Action item =
When the string "transform" is part of a line in the data below, report the whole line.
··· Input records
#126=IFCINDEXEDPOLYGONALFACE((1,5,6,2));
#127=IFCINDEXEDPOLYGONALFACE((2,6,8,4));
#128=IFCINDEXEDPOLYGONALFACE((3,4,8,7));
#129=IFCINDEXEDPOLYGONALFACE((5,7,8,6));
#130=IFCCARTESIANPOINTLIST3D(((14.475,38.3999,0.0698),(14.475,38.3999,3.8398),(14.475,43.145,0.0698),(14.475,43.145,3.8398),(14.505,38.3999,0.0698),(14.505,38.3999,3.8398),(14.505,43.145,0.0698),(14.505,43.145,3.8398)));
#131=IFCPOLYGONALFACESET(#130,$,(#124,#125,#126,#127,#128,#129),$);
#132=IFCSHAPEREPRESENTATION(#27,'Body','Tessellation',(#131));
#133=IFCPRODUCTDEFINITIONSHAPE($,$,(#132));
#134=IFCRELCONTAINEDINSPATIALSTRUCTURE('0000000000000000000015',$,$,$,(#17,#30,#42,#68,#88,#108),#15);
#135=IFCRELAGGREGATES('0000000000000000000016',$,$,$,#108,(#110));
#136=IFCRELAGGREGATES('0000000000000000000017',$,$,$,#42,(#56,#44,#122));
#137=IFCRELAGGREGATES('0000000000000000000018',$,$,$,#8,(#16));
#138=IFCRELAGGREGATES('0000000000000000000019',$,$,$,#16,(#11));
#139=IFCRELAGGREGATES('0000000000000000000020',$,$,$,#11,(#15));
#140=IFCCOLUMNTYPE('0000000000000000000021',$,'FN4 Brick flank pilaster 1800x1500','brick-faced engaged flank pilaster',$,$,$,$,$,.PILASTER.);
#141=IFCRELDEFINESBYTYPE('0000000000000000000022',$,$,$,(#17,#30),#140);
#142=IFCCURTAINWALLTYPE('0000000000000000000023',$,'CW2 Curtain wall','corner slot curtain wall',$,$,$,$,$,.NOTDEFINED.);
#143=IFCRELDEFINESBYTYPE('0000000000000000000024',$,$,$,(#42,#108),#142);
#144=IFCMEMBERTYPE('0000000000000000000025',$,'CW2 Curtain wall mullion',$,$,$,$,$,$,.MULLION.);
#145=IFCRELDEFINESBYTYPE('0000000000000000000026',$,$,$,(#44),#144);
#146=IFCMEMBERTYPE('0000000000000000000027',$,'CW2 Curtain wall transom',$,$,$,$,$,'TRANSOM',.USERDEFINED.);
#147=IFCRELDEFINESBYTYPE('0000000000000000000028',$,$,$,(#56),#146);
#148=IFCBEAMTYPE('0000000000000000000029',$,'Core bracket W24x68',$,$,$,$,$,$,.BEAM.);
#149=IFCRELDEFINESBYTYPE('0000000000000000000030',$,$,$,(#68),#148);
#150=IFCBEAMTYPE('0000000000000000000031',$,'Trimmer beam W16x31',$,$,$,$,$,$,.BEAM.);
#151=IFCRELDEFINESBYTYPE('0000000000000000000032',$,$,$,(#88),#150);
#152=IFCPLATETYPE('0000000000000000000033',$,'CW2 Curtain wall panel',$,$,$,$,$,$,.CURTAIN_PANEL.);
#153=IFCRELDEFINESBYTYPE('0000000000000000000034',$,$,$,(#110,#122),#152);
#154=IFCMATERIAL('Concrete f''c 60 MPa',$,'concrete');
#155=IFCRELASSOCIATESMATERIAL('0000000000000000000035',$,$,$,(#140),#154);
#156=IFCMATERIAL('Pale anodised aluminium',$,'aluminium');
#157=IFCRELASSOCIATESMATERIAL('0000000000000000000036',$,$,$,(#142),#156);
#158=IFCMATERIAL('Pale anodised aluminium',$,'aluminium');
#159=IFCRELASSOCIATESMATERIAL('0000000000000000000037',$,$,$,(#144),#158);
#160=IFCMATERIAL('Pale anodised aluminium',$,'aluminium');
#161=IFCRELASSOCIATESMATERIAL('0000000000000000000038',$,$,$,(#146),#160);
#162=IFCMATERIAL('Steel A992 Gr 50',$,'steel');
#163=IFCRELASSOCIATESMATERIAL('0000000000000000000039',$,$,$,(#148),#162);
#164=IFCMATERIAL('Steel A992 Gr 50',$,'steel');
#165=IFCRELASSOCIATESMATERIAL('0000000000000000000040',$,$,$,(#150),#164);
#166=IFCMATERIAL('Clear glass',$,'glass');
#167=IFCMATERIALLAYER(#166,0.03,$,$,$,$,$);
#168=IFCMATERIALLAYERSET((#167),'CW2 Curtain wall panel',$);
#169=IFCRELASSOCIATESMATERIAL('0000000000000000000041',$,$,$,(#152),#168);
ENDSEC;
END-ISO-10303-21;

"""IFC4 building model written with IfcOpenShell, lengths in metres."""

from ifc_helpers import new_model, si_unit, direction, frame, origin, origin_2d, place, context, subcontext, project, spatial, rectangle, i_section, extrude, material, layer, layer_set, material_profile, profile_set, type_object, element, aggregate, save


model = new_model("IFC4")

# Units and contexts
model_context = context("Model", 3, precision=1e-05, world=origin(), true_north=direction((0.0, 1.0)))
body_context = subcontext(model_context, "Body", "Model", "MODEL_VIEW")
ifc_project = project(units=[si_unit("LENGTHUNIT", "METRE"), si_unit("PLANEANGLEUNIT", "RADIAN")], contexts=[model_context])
······
··· Input records
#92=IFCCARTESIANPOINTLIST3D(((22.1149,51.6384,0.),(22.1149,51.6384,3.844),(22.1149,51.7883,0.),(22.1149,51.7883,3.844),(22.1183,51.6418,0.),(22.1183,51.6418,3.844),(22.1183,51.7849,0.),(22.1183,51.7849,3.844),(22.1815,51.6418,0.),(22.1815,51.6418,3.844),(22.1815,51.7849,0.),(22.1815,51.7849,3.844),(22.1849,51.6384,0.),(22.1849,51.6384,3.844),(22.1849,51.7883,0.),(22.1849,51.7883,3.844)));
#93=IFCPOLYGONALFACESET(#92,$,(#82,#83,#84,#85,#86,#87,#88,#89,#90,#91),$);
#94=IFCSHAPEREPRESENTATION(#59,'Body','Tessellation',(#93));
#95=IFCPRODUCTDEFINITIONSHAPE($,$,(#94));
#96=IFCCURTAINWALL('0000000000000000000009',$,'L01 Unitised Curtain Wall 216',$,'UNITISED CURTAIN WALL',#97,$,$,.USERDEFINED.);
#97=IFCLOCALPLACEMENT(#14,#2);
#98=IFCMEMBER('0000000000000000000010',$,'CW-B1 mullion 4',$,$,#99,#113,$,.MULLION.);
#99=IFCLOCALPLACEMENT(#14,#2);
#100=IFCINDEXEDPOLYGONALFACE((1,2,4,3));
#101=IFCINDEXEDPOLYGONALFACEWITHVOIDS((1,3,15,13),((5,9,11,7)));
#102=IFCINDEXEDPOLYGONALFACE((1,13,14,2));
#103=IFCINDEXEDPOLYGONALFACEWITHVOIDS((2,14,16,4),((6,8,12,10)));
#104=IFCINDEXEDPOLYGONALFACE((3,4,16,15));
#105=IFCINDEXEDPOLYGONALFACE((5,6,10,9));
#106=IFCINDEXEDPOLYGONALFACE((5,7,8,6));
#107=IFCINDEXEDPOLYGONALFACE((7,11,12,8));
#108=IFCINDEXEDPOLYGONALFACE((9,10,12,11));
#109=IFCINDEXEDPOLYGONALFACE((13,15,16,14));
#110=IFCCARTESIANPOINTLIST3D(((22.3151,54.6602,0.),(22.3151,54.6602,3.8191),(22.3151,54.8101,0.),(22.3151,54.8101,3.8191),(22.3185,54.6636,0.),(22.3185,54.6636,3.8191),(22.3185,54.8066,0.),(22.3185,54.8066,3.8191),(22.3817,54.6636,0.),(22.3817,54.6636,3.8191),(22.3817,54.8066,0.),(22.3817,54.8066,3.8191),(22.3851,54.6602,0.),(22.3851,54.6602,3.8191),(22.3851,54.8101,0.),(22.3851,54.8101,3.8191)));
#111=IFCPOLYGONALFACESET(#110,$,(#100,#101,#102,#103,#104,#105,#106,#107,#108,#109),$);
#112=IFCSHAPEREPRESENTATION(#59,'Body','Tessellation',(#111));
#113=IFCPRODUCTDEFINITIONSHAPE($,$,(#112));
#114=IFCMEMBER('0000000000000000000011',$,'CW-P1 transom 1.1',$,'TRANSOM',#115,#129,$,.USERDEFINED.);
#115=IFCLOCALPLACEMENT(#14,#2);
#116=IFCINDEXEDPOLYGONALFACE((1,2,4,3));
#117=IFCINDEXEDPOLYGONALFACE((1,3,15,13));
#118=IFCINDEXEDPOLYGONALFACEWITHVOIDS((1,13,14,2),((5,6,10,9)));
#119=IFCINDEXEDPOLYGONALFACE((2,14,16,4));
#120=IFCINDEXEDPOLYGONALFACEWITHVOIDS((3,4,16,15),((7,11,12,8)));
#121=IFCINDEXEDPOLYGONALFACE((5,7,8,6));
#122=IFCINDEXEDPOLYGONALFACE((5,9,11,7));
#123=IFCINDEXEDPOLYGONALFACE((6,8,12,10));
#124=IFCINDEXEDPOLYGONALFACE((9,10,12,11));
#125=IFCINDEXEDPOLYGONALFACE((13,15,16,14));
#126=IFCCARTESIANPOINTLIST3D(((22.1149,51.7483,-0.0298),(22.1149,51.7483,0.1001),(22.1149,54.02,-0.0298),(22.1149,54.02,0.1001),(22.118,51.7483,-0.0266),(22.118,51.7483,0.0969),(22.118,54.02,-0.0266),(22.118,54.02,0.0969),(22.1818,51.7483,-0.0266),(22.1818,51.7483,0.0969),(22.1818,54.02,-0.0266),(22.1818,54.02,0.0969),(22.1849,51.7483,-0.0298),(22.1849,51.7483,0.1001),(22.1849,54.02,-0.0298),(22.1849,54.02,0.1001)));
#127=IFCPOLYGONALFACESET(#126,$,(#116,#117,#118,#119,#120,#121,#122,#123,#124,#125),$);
······
··· Input records
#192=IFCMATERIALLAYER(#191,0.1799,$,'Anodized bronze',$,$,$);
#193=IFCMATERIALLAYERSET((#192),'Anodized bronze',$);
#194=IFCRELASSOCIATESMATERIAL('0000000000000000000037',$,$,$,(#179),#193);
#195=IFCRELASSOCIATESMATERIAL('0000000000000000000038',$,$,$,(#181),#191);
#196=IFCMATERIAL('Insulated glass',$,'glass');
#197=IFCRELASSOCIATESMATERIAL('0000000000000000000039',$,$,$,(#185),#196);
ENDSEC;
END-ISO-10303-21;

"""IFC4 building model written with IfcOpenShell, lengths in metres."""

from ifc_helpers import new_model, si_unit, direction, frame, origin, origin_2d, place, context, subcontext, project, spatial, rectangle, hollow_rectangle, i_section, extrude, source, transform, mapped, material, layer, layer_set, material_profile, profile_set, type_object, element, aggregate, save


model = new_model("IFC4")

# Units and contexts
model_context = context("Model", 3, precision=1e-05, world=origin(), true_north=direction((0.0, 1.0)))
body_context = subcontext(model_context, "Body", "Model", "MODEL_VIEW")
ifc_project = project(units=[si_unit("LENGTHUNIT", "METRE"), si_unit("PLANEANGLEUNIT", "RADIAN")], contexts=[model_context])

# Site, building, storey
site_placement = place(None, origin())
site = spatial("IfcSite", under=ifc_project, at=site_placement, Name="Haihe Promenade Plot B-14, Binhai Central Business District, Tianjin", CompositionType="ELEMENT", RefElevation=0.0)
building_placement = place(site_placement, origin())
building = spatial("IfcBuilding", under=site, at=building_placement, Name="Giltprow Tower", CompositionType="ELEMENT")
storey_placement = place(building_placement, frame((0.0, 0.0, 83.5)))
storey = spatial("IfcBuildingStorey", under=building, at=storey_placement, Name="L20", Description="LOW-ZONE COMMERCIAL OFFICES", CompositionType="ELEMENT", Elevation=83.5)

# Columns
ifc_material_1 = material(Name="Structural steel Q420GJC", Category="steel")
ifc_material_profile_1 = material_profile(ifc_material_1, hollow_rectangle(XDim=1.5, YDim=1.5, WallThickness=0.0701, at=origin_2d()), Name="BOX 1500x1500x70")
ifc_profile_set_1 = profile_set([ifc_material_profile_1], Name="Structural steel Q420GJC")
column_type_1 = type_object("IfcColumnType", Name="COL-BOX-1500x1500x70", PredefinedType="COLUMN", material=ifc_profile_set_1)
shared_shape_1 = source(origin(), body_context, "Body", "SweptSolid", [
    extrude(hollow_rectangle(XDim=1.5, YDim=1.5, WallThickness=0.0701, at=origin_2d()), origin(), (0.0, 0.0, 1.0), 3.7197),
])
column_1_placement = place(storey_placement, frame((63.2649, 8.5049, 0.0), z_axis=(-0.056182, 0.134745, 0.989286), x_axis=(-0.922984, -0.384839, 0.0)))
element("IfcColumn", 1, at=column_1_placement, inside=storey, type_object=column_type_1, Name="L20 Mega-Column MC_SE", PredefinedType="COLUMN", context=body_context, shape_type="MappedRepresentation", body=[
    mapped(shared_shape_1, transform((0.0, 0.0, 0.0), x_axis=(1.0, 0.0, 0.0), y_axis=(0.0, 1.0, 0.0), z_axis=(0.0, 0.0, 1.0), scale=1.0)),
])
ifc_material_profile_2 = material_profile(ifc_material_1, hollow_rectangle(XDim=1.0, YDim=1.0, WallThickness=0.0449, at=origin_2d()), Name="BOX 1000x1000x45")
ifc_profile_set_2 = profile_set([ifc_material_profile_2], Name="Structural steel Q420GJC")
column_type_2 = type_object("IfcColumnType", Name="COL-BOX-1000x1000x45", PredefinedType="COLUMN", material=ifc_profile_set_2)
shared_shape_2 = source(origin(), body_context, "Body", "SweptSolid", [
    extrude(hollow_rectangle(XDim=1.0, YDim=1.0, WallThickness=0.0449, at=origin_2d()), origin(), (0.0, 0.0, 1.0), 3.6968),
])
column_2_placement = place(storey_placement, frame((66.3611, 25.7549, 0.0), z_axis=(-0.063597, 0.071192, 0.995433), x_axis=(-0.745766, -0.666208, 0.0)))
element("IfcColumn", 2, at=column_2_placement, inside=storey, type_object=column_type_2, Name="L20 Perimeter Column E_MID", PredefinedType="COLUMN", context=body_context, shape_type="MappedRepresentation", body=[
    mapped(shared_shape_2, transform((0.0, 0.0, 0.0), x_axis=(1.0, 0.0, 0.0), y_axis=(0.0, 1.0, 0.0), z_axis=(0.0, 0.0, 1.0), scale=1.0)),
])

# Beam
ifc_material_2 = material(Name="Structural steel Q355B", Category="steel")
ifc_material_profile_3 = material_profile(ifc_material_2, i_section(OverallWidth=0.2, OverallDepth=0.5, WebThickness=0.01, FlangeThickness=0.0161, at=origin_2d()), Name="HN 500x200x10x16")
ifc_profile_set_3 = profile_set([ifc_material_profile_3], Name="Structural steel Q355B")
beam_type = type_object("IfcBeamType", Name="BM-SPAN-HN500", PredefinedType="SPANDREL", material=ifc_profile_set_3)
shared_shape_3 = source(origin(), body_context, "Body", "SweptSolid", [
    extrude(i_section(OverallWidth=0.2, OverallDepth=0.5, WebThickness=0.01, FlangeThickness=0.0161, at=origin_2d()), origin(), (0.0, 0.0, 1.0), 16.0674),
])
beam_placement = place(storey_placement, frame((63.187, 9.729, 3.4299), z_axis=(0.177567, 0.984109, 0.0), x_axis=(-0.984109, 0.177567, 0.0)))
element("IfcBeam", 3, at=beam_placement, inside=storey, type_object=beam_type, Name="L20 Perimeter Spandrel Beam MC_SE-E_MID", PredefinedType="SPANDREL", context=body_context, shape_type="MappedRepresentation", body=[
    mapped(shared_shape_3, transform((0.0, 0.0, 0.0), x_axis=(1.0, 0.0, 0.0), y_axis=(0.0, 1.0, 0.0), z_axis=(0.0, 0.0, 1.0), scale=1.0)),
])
······
Written solution =
from ifc_helpers import new_model, si_unit, direction, frame, origin, origin_2d, place, context, subcontext, project, spatial, rectangle, hollow_rectangle, i_section, extrude, source, transform, mapped, material, layer, layer_set, material_profile, profile_set, type_object, element, aggregate, save
    mapped(shared_shape_1, transform((0.0, 0.0, 0.0), x_axis=(1.0, 0.0, 0.0), y_axis=(0.0, 1.0, 0.0), z_axis=(0.0, 0.0, 1.0), scale=1.0)),
    mapped(shared_shape_2, transform((0.0, 0.0, 0.0), x_axis=(1.0, 0.0, 0.0), y_axis=(0.0, 1.0, 0.0), z_axis=(0.0, 0.0, 1.0), scale=1.0)),
    mapped(shared_shape_3, transform((0.0, 0.0, 0.0), x_axis=(1.0, 0.0, 0.0), y_axis=(0.0, 1.0, 0.0), z_axis=(0.0, 0.0, 1.0), scale=1.0)),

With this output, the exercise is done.